§ **WORK TO BE COMPLETED**: Instruction for the data below: set down exactly the lines from the line with "#24=IFCINDEXEDPOLYGONALFACE((5,7,8,6));" to the line with "#31=IFCLOCALPLACEMENT(#14,#2);", inclusive, and no others.

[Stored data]
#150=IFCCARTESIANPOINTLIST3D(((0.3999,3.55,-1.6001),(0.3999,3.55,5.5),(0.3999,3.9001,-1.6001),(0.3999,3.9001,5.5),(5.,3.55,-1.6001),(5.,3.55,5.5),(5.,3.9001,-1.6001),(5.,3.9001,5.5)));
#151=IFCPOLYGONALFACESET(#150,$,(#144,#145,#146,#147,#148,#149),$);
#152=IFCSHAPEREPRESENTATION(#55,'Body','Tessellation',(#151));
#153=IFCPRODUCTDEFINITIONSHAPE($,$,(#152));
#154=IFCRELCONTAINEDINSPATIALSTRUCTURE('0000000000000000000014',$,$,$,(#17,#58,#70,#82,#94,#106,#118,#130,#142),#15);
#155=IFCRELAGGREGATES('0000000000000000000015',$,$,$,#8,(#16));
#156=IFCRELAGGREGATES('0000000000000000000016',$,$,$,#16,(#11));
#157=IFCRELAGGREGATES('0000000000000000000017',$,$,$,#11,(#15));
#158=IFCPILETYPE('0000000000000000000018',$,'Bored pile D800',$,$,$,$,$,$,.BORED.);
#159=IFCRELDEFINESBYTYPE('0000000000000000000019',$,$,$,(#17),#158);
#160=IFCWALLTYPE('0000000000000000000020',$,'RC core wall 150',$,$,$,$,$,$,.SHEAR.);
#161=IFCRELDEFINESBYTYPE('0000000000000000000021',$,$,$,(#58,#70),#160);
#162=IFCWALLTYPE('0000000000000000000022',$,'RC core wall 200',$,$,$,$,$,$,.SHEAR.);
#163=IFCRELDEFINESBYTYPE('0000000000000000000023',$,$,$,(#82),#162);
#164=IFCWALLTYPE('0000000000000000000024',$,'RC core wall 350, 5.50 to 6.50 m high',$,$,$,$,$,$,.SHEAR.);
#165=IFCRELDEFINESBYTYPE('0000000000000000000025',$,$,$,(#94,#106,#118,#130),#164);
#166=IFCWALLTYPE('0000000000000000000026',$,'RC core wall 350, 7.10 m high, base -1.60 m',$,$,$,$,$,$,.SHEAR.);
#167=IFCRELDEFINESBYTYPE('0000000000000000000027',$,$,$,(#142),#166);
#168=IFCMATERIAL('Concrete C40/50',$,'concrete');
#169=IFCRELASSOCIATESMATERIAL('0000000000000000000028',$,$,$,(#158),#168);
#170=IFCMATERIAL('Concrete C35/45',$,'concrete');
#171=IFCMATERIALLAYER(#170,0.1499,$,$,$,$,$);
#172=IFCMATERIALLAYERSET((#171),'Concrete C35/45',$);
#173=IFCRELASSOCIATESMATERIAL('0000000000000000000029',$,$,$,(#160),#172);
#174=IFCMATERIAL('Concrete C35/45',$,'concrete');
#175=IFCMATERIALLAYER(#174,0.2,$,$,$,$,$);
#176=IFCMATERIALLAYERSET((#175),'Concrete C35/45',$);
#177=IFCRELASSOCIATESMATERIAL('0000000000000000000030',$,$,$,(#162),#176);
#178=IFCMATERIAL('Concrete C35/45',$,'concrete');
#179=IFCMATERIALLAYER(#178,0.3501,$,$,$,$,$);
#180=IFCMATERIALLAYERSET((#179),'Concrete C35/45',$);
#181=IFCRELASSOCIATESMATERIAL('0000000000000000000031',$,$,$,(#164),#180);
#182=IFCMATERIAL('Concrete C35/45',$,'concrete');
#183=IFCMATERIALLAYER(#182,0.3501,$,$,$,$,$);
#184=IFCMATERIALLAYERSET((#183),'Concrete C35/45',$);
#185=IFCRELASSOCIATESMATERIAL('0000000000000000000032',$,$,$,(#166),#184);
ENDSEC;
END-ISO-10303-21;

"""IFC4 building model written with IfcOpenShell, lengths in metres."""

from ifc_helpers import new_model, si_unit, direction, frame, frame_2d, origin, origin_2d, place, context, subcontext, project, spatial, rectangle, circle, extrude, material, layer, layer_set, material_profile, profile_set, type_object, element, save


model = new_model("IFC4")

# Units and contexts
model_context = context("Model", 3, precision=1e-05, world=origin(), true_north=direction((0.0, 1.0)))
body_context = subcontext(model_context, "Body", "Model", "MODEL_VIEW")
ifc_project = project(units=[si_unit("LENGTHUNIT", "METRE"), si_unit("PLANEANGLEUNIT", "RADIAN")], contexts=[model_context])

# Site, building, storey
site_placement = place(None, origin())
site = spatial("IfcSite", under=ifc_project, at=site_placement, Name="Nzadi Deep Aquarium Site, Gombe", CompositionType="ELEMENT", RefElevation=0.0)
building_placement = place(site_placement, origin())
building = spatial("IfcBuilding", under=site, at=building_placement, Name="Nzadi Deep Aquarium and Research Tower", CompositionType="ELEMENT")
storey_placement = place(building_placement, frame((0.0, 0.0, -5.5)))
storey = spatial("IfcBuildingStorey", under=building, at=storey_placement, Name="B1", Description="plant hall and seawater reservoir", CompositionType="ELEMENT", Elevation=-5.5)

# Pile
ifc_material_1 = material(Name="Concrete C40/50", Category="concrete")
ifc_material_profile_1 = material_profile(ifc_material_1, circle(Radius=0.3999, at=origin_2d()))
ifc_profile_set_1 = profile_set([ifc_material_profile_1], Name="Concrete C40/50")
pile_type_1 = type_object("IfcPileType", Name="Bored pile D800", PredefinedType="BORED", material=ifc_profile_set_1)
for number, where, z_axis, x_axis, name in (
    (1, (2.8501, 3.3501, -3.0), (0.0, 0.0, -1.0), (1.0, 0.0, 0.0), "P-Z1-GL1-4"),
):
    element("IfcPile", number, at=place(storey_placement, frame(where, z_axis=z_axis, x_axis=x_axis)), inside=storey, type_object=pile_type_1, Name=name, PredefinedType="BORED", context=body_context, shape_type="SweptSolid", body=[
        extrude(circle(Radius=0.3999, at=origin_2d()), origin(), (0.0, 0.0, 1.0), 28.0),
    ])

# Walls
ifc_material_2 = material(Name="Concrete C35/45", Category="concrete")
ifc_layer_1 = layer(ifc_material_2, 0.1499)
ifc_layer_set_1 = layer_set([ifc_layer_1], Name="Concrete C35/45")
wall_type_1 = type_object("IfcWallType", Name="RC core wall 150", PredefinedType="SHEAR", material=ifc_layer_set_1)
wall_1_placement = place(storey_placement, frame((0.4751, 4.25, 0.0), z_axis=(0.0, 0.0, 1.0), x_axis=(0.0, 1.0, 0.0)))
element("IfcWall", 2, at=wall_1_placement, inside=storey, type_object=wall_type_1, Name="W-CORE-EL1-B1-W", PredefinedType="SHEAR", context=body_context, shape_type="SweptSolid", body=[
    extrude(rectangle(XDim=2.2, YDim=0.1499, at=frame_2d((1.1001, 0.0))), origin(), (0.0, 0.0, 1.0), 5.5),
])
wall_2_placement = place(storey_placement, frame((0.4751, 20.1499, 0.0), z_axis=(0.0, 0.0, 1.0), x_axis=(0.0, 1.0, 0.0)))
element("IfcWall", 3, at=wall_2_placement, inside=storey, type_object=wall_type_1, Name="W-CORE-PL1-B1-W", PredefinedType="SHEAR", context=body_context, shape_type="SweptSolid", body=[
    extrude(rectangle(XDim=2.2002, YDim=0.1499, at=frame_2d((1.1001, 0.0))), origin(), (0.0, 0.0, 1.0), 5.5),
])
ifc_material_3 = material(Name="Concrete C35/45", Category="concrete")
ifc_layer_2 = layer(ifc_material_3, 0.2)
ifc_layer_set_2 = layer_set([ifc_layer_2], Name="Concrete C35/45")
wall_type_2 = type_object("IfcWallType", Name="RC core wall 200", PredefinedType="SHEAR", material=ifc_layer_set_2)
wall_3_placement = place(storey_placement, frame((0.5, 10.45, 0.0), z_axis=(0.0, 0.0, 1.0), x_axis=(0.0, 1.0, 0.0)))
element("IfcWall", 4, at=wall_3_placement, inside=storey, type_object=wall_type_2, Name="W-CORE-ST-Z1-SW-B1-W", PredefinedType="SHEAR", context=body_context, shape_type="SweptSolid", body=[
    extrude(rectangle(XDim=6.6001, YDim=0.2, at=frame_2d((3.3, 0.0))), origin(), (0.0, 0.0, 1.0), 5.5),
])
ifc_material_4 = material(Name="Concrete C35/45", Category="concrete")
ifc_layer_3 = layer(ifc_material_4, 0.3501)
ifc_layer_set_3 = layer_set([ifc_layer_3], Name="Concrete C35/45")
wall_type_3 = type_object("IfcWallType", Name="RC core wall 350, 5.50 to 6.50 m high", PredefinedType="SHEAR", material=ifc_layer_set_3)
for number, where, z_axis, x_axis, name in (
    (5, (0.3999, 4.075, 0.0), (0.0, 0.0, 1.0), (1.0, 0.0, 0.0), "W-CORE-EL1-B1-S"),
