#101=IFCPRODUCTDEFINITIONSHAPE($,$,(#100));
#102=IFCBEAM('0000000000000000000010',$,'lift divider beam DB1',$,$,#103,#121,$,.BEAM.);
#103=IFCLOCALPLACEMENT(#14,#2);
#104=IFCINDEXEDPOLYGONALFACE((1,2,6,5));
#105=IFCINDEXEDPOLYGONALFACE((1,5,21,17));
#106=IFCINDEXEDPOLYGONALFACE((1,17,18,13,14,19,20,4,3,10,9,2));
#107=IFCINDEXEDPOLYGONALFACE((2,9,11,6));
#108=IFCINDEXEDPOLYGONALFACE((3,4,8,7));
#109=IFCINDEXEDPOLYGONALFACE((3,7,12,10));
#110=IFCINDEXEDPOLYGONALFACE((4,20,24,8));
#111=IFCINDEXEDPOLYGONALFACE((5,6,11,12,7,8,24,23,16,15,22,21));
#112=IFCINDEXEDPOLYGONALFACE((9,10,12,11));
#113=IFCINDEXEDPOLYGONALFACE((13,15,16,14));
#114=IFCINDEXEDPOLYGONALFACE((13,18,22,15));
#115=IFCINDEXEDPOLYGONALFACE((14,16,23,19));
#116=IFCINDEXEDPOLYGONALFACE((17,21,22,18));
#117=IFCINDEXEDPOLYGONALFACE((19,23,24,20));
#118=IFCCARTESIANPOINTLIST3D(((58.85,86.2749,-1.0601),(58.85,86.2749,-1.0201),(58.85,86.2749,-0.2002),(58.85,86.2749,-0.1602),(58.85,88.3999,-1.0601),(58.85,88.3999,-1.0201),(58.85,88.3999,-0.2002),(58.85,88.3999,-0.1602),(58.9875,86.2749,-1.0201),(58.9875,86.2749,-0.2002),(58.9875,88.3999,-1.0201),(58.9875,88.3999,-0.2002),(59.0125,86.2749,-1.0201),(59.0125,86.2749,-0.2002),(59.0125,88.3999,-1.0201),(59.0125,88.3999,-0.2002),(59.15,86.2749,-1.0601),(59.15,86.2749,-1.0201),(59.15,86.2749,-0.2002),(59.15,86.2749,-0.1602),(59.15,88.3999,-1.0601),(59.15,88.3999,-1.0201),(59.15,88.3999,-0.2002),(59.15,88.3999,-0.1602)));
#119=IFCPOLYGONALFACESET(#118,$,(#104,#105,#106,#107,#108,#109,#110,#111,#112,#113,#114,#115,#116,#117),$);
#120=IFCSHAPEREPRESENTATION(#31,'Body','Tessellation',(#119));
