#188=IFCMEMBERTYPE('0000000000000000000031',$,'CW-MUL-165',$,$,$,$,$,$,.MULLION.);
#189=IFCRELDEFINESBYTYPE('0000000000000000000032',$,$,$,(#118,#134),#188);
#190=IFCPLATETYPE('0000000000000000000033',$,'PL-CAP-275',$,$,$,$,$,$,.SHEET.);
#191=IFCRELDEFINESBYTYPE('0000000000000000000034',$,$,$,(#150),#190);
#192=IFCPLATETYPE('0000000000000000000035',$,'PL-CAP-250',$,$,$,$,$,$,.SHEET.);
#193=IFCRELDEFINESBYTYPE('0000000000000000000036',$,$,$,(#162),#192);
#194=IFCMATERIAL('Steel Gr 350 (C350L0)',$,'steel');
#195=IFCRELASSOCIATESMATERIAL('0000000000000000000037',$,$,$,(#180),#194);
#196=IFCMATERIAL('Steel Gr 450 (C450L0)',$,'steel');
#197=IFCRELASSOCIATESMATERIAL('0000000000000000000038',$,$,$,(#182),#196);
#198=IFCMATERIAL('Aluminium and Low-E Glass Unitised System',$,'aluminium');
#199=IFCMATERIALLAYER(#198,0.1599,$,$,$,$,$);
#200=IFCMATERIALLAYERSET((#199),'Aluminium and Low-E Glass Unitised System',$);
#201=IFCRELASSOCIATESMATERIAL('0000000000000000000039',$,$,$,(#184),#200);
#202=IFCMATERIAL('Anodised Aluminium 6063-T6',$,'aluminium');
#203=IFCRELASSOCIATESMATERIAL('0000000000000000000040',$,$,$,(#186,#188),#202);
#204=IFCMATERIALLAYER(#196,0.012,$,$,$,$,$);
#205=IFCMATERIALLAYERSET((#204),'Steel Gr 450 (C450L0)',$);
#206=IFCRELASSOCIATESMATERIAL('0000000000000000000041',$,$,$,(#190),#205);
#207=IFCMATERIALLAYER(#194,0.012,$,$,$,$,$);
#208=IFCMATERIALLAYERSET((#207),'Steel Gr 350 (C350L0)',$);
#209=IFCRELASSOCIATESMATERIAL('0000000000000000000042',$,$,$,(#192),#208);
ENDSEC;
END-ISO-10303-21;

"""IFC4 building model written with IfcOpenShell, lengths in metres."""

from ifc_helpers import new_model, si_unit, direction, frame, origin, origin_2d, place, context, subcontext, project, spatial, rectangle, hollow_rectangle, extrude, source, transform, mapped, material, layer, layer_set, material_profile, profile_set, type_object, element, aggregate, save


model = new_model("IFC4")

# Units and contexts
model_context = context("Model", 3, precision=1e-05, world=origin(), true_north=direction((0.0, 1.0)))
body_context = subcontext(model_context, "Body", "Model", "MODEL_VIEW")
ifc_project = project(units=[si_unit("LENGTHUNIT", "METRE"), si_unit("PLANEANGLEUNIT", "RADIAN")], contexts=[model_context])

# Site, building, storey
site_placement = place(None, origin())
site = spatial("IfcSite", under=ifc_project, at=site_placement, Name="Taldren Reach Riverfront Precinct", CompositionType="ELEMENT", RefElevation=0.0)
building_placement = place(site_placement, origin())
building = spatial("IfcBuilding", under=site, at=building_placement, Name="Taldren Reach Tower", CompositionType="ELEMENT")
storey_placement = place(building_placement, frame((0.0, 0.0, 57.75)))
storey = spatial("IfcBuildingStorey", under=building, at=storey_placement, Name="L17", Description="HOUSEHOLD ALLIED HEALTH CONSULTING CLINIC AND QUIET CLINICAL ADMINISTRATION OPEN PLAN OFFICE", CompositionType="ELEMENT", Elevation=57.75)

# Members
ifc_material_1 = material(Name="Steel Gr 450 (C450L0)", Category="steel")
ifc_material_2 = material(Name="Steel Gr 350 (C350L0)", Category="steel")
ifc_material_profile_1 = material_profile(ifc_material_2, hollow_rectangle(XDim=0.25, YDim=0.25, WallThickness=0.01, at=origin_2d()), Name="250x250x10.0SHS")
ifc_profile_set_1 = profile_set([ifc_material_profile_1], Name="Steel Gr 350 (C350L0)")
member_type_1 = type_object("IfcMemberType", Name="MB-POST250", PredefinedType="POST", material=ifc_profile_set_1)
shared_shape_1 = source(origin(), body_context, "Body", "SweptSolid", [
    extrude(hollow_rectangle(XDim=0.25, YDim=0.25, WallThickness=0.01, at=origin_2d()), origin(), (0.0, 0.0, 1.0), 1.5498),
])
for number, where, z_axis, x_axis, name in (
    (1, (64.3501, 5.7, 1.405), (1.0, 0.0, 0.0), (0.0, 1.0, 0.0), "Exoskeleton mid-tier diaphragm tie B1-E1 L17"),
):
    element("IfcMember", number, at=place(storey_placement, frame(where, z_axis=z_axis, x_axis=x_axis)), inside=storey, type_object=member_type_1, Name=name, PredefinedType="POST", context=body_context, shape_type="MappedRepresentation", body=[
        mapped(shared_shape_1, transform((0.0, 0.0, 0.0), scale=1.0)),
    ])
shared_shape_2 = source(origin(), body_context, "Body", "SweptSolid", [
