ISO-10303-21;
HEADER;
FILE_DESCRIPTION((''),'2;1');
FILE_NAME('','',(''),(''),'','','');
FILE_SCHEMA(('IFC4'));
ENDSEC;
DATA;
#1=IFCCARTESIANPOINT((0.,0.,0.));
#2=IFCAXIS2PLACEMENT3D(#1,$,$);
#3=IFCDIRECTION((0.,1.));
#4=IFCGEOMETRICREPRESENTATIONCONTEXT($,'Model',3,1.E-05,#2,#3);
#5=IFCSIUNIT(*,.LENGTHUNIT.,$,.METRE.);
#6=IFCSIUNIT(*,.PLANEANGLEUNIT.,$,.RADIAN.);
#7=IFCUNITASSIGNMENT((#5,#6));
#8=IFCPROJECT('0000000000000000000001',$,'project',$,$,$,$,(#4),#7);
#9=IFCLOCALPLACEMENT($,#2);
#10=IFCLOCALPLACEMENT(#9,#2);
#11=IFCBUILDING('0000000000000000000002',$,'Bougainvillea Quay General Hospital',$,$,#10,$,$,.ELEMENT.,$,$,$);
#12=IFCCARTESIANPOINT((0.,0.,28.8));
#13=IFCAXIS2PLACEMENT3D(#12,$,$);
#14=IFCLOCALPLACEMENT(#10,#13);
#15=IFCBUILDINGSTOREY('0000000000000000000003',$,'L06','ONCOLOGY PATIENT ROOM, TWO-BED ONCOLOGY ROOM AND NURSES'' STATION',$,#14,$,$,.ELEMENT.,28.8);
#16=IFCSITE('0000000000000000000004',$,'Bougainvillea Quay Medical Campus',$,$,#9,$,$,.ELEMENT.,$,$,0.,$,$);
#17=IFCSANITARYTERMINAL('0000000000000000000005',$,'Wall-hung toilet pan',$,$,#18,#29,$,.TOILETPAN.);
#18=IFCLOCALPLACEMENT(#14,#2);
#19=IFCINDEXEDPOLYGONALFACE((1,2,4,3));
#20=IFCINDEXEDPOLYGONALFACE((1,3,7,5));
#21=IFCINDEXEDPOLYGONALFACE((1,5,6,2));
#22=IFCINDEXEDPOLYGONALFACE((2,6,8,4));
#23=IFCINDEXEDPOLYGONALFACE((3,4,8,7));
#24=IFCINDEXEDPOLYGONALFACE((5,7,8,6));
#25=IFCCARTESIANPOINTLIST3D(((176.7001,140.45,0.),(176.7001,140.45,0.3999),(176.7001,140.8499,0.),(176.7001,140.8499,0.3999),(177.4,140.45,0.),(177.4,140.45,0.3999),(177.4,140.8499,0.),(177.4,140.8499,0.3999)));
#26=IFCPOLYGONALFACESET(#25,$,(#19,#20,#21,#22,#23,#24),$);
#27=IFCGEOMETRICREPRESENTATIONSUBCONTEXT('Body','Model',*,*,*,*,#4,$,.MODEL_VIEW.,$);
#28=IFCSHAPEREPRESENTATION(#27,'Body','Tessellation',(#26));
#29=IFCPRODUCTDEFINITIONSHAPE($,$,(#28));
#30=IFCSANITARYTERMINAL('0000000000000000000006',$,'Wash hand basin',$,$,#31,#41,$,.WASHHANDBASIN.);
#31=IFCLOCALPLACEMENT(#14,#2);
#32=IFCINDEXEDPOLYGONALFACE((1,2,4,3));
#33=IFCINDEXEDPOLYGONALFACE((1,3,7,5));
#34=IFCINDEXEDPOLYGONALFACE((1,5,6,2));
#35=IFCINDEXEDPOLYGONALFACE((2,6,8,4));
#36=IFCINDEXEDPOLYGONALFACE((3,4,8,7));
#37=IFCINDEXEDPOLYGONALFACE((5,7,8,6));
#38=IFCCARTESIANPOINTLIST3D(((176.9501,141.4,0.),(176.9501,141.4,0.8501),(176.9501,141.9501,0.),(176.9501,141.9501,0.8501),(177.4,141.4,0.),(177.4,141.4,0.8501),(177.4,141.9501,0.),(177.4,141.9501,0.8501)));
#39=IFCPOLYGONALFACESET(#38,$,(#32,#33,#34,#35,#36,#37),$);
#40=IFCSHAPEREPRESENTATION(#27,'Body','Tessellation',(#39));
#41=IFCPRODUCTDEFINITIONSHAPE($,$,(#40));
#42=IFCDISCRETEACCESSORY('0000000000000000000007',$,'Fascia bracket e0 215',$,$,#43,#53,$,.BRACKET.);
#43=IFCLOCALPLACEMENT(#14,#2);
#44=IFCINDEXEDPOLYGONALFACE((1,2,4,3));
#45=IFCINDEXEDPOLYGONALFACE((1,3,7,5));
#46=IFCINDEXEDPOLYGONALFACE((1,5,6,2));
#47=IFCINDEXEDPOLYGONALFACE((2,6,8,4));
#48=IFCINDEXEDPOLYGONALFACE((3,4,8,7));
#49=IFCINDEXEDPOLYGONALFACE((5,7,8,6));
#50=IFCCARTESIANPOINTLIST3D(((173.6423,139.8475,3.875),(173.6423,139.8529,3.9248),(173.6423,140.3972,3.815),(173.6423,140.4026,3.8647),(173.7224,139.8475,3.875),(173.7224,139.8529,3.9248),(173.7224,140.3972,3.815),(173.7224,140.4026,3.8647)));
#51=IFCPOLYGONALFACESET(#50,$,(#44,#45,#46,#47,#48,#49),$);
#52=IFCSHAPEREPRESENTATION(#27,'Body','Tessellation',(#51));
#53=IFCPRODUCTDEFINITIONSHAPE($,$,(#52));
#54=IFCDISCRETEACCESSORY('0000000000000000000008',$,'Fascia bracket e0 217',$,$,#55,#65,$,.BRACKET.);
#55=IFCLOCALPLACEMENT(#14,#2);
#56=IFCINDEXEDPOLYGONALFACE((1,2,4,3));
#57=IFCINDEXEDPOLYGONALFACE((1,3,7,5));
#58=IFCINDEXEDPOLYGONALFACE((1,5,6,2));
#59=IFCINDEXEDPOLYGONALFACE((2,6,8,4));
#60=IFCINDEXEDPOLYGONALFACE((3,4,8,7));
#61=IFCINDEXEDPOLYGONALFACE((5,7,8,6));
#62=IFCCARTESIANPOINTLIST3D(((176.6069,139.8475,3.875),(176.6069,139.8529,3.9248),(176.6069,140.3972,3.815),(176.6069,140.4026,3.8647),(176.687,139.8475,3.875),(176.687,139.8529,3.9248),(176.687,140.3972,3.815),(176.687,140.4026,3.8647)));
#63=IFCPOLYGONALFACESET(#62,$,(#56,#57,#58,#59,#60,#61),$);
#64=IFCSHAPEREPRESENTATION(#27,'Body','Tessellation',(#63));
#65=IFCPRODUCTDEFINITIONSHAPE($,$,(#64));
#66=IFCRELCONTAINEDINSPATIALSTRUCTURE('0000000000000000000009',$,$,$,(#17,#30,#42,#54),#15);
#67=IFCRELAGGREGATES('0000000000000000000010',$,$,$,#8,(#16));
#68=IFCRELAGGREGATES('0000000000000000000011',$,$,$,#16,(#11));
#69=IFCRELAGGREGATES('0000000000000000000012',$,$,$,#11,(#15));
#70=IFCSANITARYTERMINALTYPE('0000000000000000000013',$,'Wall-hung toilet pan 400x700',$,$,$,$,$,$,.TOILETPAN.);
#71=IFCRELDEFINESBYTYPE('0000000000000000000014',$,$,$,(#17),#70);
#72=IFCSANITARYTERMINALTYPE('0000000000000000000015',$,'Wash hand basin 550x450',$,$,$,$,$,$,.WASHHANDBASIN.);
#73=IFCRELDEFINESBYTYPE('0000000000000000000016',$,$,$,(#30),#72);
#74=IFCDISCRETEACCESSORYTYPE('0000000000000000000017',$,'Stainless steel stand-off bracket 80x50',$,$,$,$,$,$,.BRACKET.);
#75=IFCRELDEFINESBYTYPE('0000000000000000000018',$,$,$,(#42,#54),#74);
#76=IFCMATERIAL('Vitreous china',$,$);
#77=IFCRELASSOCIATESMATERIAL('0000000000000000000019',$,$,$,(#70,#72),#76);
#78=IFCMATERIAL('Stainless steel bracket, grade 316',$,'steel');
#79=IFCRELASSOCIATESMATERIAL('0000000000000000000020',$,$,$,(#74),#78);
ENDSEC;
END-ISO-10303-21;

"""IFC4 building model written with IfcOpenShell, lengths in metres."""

from ifc_helpers import new_model, si_unit, direction, frame, origin, origin_2d, place, context, subcontext, project, spatial, rectangle, extrude, material, material_profile, profile_set, type_object, element, save


model = new_model("IFC4")

# Units and contexts
model_context = context("Model", 3, precision=1e-05, world=origin(), true_north=direction((0.0, 1.0)))
body_context = subcontext(model_context, "Body", "Model", "MODEL_VIEW")
ifc_project = project(units=[si_unit("LENGTHUNIT", "METRE"), si_unit("PLANEANGLEUNIT", "RADIAN")], contexts=[model_context])

# Site, building, storey
site_placement = place(None, origin())
site = spatial("IfcSite", under=ifc_project, at=site_placement, Name="Bougainvillea Quay Medical Campus", CompositionType="ELEMENT", RefElevation=0.0)
building_placement = place(site_placement, origin())
building = spatial("IfcBuilding", under=site, at=building_placement, Name="Bougainvillea Quay General Hospital", CompositionType="ELEMENT")
storey_placement = place(building_placement, frame((0.0, 0.0, 28.8)))
storey = spatial("IfcBuildingStorey", under=building, at=storey_placement, Name="L06", Description="ONCOLOGY PATIENT ROOM, TWO-BED ONCOLOGY ROOM AND NURSES' STATION", CompositionType="ELEMENT", Elevation=28.8)

# Sanitary terminals
ifc_material_1 = material(Name="Vitreous china")
sanitary_terminal_type_1 = type_object("IfcSanitaryTerminalType", Name="Wall-hung toilet pan 400x700", PredefinedType="TOILETPAN", material=ifc_material_1)
sanitary_terminal_1_placement = place(storey_placement, frame((177.05, 140.6499, 0.0), z_axis=(0.0, 0.0, 1.0), x_axis=(0.0, -1.0, 0.0)))
element("IfcSanitaryTerminal", 1, at=sanitary_terminal_1_placement, inside=storey, type_object=sanitary_terminal_type_1, Name="Wall-hung toilet pan", PredefinedType="TOILETPAN", context=body_context, shape_type="SweptSolid", body=[
    extrude(rectangle(XDim=0.3999, YDim=0.7, at=origin_2d()), origin(), (0.0, 0.0, 1.0), 0.3999),
])
sanitary_terminal_type_2 = type_object("IfcSanitaryTerminalType", Name="Wash hand basin 550x450", PredefinedType="WASHHANDBASIN", material=ifc_material_1)
sanitary_terminal_2_placement = place(storey_placement, frame((177.175, 141.675, 0.0), z_axis=(0.0, 0.0, 1.0), x_axis=(0.0, -1.0, 0.0)))
element("IfcSanitaryTerminal", 2, at=sanitary_terminal_2_placement, inside=storey, type_object=sanitary_terminal_type_2, Name="Wash hand basin", PredefinedType="WASHHANDBASIN", context=body_context, shape_type="SweptSolid", body=[
    extrude(rectangle(XDim=0.55, YDim=0.45, at=origin_2d()), origin(), (0.0, 0.0, 1.0), 0.8501),
])

# Discrete accessories
ifc_material_2 = material(Name="Stainless steel bracket, grade 316", Category="steel")
ifc_material_profile_1 = material_profile(ifc_material_2, rectangle(XDim=0.0801, YDim=0.05, at=origin_2d()))
ifc_profile_set_1 = profile_set([ifc_material_profile_1], Name="Stainless steel bracket, grade 316")
discrete_accessory_type = type_object("IfcDiscreteAccessoryType", Name="Stainless steel stand-off bracket 80x50", PredefinedType="BRACKET", material=ifc_profile_set_1)
for number, where, z_axis, x_axis, name in (
    (3, (173.6824, 140.3999, 3.8398), (0.0, -0.994087, 0.10859), (1.0, 0.0, 0.0), "Fascia bracket e0 215"),
    (4, (176.647, 140.3999, 3.8398), (0.0, -0.994087, 0.10859), (1.0, 0.0, 0.0), "Fascia bracket e0 217"),
):
    element("IfcDiscreteAccessory", number, at=place(storey_placement, frame(where, z_axis=z_axis, x_axis=x_axis)), inside=storey, type_object=discrete_accessory_type, Name=name, PredefinedType="BRACKET", context=body_context, shape_type="SweptSolid", body=[
        extrude(rectangle(XDim=0.0801, YDim=0.05, at=origin_2d()), origin(), (0.0, 0.0, 1.0), 0.553),
    ])

save(model, "model.ifc")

§ **SOLUTION BELOW**:
#24=IFCINDEXEDPOLYGONALFACE((5,7,8,6));
#25=IFCCARTESIANPOINTLIST3D(((176.7001,140.45,0.),(176.7001,140.45,0.3999),(176.7001,140.8499,0.),(176.7001,140.8499,0.3999),(177.4,140.45,0.),(177.4,140.45,0.3999),(177.4,140.8499,0.),(177.4,140.8499,0.3999)));
#26=IFCPOLYGONALFACESET(#25,$,(#19,#20,#21,#22,#23,#24),$);
#27=IFCGEOMETRICREPRESENTATIONSUBCONTEXT('Body','Model',*,*,*,*,#4,$,.MODEL_VIEW.,$);
#28=IFCSHAPEREPRESENTATION(#27,'Body','Tessellation',(#26));
#29=IFCPRODUCTDEFINITIONSHAPE($,$,(#28));
#30=IFCSANITARYTERMINAL('0000000000000000000006',$,'Wash hand basin',$,$,#31,#41,$,.WASHHANDBASIN.);
#31=IFCLOCALPLACEMENT(#14,#2);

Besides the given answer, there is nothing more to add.